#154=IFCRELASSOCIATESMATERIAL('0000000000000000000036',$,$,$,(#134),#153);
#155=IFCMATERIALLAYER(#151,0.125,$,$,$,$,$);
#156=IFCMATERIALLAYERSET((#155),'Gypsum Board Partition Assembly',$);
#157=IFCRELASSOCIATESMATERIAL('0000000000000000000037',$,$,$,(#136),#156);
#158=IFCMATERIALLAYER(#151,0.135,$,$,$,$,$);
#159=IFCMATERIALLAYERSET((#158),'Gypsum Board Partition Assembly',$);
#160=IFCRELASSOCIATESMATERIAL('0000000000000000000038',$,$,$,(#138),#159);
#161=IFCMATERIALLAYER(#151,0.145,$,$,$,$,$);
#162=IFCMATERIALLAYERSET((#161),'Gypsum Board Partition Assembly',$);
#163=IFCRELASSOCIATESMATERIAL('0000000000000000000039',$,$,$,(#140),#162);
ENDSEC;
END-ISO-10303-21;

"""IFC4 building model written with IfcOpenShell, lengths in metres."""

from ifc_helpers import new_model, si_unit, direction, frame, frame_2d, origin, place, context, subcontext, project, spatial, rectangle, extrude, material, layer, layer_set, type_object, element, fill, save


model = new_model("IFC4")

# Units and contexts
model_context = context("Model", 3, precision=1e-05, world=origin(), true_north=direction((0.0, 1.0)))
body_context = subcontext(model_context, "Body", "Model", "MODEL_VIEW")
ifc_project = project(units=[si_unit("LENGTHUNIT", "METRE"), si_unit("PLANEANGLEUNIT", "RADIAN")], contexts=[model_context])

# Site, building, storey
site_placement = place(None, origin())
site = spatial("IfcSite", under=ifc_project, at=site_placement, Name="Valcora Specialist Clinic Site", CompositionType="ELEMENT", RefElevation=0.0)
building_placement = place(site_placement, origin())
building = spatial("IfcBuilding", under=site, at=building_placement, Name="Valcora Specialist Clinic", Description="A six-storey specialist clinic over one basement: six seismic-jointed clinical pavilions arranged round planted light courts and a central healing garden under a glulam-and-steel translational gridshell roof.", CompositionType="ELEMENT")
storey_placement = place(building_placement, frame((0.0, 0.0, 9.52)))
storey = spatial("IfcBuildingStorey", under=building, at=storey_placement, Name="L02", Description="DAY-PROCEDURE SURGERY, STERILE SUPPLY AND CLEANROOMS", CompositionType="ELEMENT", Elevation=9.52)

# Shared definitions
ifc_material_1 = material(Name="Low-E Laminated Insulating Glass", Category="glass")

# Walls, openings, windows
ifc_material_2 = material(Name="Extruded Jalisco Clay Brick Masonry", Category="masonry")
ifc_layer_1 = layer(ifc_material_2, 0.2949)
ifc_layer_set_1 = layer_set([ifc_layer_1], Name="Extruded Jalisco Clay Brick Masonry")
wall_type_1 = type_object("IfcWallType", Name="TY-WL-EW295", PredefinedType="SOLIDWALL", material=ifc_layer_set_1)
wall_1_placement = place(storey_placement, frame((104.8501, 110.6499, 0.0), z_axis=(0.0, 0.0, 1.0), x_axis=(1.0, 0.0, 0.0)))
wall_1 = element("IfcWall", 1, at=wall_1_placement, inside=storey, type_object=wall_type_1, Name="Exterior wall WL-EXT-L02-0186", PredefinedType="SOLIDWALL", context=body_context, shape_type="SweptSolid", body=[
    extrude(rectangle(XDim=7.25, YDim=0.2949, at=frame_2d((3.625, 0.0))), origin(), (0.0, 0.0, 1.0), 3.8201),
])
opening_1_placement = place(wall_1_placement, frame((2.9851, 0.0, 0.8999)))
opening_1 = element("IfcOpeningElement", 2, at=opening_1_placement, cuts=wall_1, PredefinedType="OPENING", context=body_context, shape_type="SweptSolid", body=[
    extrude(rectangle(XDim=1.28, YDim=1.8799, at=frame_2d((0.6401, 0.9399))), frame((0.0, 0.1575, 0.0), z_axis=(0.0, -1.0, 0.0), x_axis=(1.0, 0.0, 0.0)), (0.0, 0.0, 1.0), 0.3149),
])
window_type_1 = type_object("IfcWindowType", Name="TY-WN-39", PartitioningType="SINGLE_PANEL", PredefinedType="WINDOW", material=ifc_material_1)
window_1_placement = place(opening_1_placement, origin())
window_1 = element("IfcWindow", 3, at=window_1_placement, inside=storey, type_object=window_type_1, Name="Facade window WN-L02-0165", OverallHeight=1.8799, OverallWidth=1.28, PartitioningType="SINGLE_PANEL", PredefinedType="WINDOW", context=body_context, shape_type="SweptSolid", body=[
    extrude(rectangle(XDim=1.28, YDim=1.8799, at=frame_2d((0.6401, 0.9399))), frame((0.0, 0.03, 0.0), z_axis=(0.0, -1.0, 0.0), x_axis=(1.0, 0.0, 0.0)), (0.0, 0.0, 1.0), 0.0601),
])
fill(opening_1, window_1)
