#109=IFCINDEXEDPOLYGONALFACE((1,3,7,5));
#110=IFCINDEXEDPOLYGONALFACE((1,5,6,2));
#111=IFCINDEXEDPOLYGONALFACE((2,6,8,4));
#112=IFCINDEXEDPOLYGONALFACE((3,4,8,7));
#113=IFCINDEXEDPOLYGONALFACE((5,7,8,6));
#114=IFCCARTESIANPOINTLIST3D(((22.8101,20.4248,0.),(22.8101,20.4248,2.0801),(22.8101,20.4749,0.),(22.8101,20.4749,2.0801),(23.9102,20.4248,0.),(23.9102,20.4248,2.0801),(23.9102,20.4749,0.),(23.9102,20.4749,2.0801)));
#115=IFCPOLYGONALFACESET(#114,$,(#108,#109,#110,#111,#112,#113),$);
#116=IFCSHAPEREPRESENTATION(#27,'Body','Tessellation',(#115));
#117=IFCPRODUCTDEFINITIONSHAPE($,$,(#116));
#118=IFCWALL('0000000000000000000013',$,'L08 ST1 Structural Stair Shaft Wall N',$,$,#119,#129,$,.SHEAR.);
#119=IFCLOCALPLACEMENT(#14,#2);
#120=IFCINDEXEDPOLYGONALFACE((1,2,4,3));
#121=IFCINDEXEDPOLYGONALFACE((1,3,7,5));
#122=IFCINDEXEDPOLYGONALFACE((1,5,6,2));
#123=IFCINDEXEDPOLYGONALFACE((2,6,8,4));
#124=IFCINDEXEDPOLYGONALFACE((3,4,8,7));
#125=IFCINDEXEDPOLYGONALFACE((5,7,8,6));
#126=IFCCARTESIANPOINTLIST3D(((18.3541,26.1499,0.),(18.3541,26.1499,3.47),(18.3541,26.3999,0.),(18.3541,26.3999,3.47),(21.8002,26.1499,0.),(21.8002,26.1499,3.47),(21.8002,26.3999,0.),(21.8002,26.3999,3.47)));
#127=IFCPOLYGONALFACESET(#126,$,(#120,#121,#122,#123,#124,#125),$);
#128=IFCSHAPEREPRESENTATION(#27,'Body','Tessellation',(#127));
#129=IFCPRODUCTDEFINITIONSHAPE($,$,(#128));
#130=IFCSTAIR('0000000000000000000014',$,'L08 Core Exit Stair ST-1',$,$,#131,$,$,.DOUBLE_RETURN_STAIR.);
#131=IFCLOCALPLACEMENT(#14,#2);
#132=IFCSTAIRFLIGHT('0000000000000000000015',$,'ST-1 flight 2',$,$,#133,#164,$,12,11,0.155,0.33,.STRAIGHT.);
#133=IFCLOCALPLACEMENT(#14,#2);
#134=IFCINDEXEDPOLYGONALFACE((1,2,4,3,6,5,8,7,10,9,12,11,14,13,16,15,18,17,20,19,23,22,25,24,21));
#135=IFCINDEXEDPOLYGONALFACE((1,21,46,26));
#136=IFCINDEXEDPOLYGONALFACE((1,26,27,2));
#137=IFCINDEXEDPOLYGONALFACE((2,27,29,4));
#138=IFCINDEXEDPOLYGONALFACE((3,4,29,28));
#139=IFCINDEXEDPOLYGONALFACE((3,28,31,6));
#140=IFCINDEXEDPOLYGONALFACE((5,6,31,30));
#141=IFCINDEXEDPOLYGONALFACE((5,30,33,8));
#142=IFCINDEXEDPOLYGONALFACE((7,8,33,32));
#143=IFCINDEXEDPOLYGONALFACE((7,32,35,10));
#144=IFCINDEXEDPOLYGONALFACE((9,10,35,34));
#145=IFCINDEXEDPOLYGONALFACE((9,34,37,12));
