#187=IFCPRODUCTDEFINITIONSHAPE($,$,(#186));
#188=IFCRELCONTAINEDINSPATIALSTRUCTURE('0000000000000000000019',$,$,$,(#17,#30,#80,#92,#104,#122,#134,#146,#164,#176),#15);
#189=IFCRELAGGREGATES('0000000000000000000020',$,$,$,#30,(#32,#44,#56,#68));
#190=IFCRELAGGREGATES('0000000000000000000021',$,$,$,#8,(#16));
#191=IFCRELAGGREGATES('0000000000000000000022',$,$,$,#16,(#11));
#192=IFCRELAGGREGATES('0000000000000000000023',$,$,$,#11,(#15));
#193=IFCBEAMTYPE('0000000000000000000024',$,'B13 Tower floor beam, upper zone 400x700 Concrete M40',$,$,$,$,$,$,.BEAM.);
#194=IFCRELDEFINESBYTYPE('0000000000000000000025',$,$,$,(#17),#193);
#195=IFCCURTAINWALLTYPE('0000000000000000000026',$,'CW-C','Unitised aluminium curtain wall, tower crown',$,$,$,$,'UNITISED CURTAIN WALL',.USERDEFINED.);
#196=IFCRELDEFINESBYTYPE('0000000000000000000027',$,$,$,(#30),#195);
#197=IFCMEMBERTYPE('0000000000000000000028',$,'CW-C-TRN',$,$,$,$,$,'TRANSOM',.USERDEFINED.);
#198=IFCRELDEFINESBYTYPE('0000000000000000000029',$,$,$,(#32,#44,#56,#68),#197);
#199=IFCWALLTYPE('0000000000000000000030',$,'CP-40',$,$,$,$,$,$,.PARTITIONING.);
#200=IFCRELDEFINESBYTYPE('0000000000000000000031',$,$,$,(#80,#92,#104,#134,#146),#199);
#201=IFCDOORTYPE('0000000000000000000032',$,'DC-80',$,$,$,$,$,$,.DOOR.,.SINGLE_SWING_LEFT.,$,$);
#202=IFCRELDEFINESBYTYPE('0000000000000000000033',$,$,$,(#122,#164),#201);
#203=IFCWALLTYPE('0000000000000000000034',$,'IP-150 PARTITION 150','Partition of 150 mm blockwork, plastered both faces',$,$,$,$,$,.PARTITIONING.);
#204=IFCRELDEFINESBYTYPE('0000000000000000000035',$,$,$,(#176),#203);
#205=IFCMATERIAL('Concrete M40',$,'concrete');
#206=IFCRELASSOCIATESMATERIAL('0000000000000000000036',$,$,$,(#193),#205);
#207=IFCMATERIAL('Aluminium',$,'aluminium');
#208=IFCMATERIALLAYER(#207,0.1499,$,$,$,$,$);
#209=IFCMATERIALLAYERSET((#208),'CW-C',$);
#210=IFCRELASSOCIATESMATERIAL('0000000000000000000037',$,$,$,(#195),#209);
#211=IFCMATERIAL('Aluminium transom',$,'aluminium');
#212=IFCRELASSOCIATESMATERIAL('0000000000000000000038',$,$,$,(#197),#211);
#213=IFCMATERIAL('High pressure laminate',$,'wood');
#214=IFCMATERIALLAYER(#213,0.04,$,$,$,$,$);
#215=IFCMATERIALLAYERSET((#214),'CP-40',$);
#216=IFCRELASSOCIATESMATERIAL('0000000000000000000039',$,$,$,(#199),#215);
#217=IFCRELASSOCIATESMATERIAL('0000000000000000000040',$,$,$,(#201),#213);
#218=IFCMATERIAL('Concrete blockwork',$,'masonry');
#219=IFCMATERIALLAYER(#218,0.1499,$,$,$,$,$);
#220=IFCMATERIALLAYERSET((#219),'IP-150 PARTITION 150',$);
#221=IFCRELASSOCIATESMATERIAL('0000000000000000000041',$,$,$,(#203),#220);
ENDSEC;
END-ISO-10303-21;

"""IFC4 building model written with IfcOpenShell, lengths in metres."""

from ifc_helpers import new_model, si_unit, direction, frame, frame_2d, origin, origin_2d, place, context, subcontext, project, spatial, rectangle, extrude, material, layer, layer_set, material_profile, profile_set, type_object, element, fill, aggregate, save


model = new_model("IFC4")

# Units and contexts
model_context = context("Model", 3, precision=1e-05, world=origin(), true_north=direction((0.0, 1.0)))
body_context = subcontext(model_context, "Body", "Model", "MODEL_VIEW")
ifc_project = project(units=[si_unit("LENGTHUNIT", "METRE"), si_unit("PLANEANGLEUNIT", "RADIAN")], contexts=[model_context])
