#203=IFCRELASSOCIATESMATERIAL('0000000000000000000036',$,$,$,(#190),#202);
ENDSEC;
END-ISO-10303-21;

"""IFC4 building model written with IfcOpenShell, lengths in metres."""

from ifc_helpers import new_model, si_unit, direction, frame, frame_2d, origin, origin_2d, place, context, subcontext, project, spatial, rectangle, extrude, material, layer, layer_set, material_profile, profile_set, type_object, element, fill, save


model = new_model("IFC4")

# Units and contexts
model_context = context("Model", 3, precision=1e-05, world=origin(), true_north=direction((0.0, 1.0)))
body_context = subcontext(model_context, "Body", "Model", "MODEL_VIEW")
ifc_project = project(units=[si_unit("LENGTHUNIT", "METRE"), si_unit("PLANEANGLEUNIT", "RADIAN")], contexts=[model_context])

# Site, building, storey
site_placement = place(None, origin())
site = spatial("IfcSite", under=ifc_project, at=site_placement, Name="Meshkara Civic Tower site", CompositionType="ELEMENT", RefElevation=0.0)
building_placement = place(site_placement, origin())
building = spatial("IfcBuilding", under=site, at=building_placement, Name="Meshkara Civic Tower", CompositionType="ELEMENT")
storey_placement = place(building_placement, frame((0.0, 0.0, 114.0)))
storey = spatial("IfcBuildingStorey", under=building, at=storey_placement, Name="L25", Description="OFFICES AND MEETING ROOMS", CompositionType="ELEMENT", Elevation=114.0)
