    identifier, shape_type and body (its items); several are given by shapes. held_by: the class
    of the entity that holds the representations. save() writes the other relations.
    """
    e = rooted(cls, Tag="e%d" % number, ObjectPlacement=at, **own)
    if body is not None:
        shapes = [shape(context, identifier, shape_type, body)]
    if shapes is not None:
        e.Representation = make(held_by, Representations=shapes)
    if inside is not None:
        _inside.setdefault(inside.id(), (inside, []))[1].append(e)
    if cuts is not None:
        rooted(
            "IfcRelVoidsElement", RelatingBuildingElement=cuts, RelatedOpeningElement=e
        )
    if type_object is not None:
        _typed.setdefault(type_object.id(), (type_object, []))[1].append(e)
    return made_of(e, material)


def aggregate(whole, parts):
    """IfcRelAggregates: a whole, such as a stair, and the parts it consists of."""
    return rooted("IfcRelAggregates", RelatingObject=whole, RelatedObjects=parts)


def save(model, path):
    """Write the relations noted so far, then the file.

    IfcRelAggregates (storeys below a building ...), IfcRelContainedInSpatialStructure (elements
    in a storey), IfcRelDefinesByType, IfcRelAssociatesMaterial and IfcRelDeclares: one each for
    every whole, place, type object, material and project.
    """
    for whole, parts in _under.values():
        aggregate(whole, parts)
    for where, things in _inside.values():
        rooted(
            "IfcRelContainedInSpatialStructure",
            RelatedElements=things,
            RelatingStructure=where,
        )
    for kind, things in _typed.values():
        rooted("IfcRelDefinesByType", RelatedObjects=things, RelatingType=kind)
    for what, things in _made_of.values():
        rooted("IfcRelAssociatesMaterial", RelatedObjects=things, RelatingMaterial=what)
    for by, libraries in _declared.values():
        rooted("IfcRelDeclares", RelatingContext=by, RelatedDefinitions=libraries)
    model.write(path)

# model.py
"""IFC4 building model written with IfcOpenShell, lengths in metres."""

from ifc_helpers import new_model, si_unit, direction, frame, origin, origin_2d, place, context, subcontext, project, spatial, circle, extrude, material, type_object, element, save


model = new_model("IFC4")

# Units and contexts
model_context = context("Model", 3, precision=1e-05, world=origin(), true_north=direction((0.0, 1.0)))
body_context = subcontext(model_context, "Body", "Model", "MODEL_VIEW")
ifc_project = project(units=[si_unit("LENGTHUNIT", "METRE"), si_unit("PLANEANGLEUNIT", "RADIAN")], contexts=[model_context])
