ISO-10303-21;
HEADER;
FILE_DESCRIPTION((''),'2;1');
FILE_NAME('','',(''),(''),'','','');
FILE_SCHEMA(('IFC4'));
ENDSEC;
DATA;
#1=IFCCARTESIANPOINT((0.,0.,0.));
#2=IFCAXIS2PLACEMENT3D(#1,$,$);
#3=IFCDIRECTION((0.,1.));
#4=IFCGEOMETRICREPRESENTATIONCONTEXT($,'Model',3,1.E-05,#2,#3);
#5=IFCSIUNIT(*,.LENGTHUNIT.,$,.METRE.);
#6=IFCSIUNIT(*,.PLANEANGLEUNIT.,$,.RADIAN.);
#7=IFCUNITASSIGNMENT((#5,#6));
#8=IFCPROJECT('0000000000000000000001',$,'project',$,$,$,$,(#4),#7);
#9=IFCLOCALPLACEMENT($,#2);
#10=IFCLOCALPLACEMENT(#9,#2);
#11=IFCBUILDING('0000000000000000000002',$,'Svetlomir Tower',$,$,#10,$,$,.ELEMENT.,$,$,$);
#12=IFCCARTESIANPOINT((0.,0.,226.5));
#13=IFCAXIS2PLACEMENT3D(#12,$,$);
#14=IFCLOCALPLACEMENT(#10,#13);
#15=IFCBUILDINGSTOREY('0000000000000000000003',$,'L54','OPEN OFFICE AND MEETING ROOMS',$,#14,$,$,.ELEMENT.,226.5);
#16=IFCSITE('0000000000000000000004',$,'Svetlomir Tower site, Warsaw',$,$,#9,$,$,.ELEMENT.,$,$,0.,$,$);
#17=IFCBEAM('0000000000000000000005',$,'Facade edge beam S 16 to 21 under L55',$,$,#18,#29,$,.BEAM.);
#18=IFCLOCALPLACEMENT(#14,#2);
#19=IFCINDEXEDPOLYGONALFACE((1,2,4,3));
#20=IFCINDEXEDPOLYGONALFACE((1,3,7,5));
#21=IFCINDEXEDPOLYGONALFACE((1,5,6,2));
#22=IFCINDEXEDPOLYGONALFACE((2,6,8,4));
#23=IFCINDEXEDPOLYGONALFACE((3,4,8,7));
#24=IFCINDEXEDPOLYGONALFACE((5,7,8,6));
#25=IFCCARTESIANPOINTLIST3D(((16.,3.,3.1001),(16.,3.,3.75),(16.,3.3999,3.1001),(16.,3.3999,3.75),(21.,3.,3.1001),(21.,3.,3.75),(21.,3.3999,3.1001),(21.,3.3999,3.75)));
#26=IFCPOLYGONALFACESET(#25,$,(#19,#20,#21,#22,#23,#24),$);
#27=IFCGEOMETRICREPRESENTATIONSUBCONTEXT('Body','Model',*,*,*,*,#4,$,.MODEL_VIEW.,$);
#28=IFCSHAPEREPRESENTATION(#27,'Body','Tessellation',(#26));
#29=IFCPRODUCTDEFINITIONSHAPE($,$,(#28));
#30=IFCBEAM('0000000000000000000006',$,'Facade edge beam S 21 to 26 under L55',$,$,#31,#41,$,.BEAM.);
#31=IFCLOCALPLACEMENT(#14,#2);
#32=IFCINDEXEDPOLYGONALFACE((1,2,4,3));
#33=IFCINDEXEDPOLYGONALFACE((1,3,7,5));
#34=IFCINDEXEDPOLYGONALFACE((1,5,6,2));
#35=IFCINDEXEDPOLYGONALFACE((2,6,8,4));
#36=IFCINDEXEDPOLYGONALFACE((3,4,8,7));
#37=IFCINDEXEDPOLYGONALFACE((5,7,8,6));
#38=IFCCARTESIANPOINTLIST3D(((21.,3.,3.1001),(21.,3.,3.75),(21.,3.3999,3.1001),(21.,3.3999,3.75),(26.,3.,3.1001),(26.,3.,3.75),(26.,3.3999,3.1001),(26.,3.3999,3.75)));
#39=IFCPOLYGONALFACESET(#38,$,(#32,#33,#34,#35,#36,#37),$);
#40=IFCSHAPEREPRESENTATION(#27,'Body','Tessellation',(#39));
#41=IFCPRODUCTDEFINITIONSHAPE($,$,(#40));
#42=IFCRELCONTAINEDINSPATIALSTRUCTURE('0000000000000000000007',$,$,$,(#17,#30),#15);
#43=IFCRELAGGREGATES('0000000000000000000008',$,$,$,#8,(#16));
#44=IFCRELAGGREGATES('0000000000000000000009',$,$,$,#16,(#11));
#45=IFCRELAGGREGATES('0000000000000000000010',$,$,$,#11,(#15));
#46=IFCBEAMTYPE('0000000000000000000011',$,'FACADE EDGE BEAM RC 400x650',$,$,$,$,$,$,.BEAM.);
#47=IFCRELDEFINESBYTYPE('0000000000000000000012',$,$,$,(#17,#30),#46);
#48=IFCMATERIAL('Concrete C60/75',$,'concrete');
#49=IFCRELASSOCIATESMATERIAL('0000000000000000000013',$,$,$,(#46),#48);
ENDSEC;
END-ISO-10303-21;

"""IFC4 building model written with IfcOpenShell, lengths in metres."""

from ifc_helpers import new_model, si_unit, direction, frame, origin, origin_2d, place, context, subcontext, project, spatial, rectangle, extrude, material, material_profile, profile_set, type_object, element, save


model = new_model("IFC4")

# Units and contexts
model_context = context("Model", 3, precision=1e-05, world=origin(), true_north=direction((0.0, 1.0)))
body_context = subcontext(model_context, "Body", "Model", "MODEL_VIEW")
ifc_project = project(units=[si_unit("LENGTHUNIT", "METRE"), si_unit("PLANEANGLEUNIT", "RADIAN")], contexts=[model_context])

# Site, building, storey
site_placement = place(None, origin())
site = spatial("IfcSite", under=ifc_project, at=site_placement, Name="Svetlomir Tower site, Warsaw", CompositionType="ELEMENT", RefElevation=0.0)
building_placement = place(site_placement, origin())
building = spatial("IfcBuilding", under=site, at=building_placement, Name="Svetlomir Tower", CompositionType="ELEMENT")
storey_placement = place(building_placement, frame((0.0, 0.0, 226.5)))
storey = spatial("IfcBuildingStorey", under=building, at=storey_placement, Name="L54", Description="OPEN OFFICE AND MEETING ROOMS", CompositionType="ELEMENT", Elevation=226.5)

# Beams
ifc_material_1 = material(Name="Concrete C60/75", Category="concrete")
ifc_material_profile = material_profile(ifc_material_1, rectangle(XDim=0.3999, YDim=0.6499, at=origin_2d()), Name="RC 400x650")
ifc_profile_set = profile_set([ifc_material_profile], Name="Concrete C60/75")
beam_type = type_object("IfcBeamType", Name="FACADE EDGE BEAM RC 400x650", PredefinedType="BEAM", material=ifc_profile_set)
for number, where, z_axis, x_axis, name in (
    (1, (16.0, 3.2, 3.425), (1.0, 0.0, 0.0), (0.0, 1.0, 0.0), "Facade edge beam S 16 to 21 under L55"),
    (2, (21.0, 3.2, 3.425), (1.0, 0.0, 0.0), (0.0, 1.0, 0.0), "Facade edge beam S 21 to 26 under L55"),
):
    element("IfcBeam", number, at=place(storey_placement, frame(where, z_axis=z_axis, x_axis=x_axis)), inside=storey, type_object=beam_type, Name=name, PredefinedType="BEAM", context=body_context, shape_type="SweptSolid", body=[
        extrude(rectangle(XDim=0.3999, YDim=0.6499, at=origin_2d()), origin(), (0.0, 0.0, 1.0), 5.0),
    ])

save(model, "model.ifc")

WHAT IS BEING ASKED: Copy all lines above where "Extruded" is present.

COMPLETED EXERCISE:
ifc_material_2 = material(Name="Extruded Jalisco Clay Brick Masonry", Category="masonry")
ifc_layer_set_1 = layer_set([ifc_layer_1], Name="Extruded Jalisco Clay Brick Masonry")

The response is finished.